> What you need to do
The lines from the start of the data through the line containing "site_placement = place(None, origin())" are to be reproduced exactly, both ends included.

> Data for review
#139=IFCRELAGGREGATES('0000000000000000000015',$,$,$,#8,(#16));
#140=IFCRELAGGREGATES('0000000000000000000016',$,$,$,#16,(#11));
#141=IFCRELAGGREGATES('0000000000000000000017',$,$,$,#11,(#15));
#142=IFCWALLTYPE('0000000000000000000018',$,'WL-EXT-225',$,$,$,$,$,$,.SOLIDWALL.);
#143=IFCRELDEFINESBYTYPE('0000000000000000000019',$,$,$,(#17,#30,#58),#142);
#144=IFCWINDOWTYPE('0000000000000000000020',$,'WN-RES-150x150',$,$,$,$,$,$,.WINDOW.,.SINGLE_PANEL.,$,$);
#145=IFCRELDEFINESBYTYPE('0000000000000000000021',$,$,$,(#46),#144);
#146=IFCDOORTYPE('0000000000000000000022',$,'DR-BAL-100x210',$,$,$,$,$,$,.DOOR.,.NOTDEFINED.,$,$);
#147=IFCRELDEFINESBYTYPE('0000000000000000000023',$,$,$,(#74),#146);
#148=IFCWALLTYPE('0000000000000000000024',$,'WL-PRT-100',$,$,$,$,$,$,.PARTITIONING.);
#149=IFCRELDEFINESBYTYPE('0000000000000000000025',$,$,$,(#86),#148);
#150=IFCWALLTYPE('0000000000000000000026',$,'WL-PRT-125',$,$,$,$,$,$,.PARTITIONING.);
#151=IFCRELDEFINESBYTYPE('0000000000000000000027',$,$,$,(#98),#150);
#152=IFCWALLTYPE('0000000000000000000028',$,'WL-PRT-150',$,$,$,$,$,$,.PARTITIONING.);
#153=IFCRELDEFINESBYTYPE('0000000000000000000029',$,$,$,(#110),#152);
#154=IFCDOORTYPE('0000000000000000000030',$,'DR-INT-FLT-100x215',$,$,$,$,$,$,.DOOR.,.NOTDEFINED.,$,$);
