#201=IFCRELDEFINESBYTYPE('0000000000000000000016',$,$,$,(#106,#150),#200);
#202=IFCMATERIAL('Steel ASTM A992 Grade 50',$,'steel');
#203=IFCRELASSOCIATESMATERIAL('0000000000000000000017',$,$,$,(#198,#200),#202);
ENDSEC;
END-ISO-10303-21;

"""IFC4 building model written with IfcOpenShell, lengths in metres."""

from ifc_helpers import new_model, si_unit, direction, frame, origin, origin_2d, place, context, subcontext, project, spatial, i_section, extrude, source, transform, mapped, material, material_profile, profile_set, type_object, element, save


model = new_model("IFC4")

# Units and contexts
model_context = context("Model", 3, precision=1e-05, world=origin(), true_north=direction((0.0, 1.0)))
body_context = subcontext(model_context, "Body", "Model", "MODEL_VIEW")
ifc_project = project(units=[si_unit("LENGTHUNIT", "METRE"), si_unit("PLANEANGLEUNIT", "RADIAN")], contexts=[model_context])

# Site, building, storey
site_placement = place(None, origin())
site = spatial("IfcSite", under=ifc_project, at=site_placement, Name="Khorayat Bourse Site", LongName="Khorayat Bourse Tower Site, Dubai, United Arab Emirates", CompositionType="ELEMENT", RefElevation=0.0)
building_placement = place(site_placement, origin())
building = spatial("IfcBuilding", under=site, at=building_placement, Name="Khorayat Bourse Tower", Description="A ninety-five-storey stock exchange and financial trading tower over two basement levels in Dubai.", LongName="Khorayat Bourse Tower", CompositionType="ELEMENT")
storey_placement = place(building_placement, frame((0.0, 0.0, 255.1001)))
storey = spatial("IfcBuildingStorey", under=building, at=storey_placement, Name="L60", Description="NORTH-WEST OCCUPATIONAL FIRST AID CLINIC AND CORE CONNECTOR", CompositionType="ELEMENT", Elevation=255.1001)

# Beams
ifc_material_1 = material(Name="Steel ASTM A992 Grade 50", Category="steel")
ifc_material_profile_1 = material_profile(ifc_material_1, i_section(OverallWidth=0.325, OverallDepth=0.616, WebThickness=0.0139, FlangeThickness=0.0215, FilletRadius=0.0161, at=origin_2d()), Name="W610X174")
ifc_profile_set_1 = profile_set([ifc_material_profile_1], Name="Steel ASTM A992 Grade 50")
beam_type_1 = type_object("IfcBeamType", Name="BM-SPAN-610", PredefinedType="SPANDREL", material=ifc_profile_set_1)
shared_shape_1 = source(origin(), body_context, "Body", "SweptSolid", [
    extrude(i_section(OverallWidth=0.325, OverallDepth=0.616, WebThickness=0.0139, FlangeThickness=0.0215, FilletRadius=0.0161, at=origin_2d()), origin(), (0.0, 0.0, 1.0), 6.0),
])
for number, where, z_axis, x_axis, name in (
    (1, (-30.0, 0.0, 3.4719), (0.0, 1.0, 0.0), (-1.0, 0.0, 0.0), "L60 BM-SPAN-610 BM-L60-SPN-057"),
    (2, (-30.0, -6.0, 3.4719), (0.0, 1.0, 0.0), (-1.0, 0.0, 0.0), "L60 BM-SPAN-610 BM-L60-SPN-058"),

> Exercise response
#139=IFCRELAGGREGATES('0000000000000000000015',$,$,$,#8,(#16));
#140=IFCRELAGGREGATES('0000000000000000000016',$,$,$,#16,(#11));
#141=IFCRELAGGREGATES('0000000000000000000017',$,$,$,#11,(#15));
#142=IFCWALLTYPE('0000000000000000000018',$,'WL-EXT-225',$,$,$,$,$,$,.SOLIDWALL.);
#143=IFCRELDEFINESBYTYPE('0000000000000000000019',$,$,$,(#17,#30,#58),#142);
#144=IFCWINDOWTYPE('0000000000000000000020',$,'WN-RES-150x150',$,$,$,$,$,$,.WINDOW.,.SINGLE_PANEL.,$,$);
#145=IFCRELDEFINESBYTYPE('0000000000000000000021',$,$,$,(#46),#144);
#146=IFCDOORTYPE('0000000000000000000022',$,'DR-BAL-100x210',$,$,$,$,$,$,.DOOR.,.NOTDEFINED.,$,$);
#147=IFCRELDEFINESBYTYPE('0000000000000000000023',$,$,$,(#74),#146);
#148=IFCWALLTYPE('0000000000000000000024',$,'WL-PRT-100',$,$,$,$,$,$,.PARTITIONING.);
#149=IFCRELDEFINESBYTYPE('0000000000000000000025',$,$,$,(#86),#148);
#150=IFCWALLTYPE('0000000000000000000026',$,'WL-PRT-125',$,$,$,$,$,$,.PARTITIONING.);
#151=IFCRELDEFINESBYTYPE('0000000000000000000027',$,$,$,(#98),#150);
#152=IFCWALLTYPE('0000000000000000000028',$,'WL-PRT-150',$,$,$,$,$,$,.PARTITIONING.);
#153=IFCRELDEFINESBYTYPE('0000000000000000000029',$,$,$,(#110),#152);
#154=IFCDOORTYPE('0000000000000000000030',$,'DR-INT-FLT-100x215',$,$,$,$,$,$,.DOOR.,.NOTDEFINED.,$,$);
#201=IFCRELDEFINESBYTYPE('0000000000000000000016',$,$,$,(#106,#150),#200);
#202=IFCMATERIAL('Steel ASTM A992 Grade 50',$,'steel');
#203=IFCRELASSOCIATESMATERIAL('0000000000000000000017',$,$,$,(#198,#200),#202);
ENDSEC;
END-ISO-10303-21;

"""IFC4 building model written with IfcOpenShell, lengths in metres."""

from ifc_helpers import new_model, si_unit, direction, frame, origin, origin_2d, place, context, subcontext, project, spatial, i_section, extrude, source, transform, mapped, material, material_profile, profile_set, type_object, element, save


model = new_model("IFC4")

# Units and contexts
model_context = context("Model", 3, precision=1e-05, world=origin(), true_north=direction((0.0, 1.0)))
body_context = subcontext(model_context, "Body", "Model", "MODEL_VIEW")
ifc_project = project(units=[si_unit("LENGTHUNIT", "METRE"), si_unit("PLANEANGLEUNIT", "RADIAN")], contexts=[model_context])

# Site, building, storey
site_placement = place(None, origin())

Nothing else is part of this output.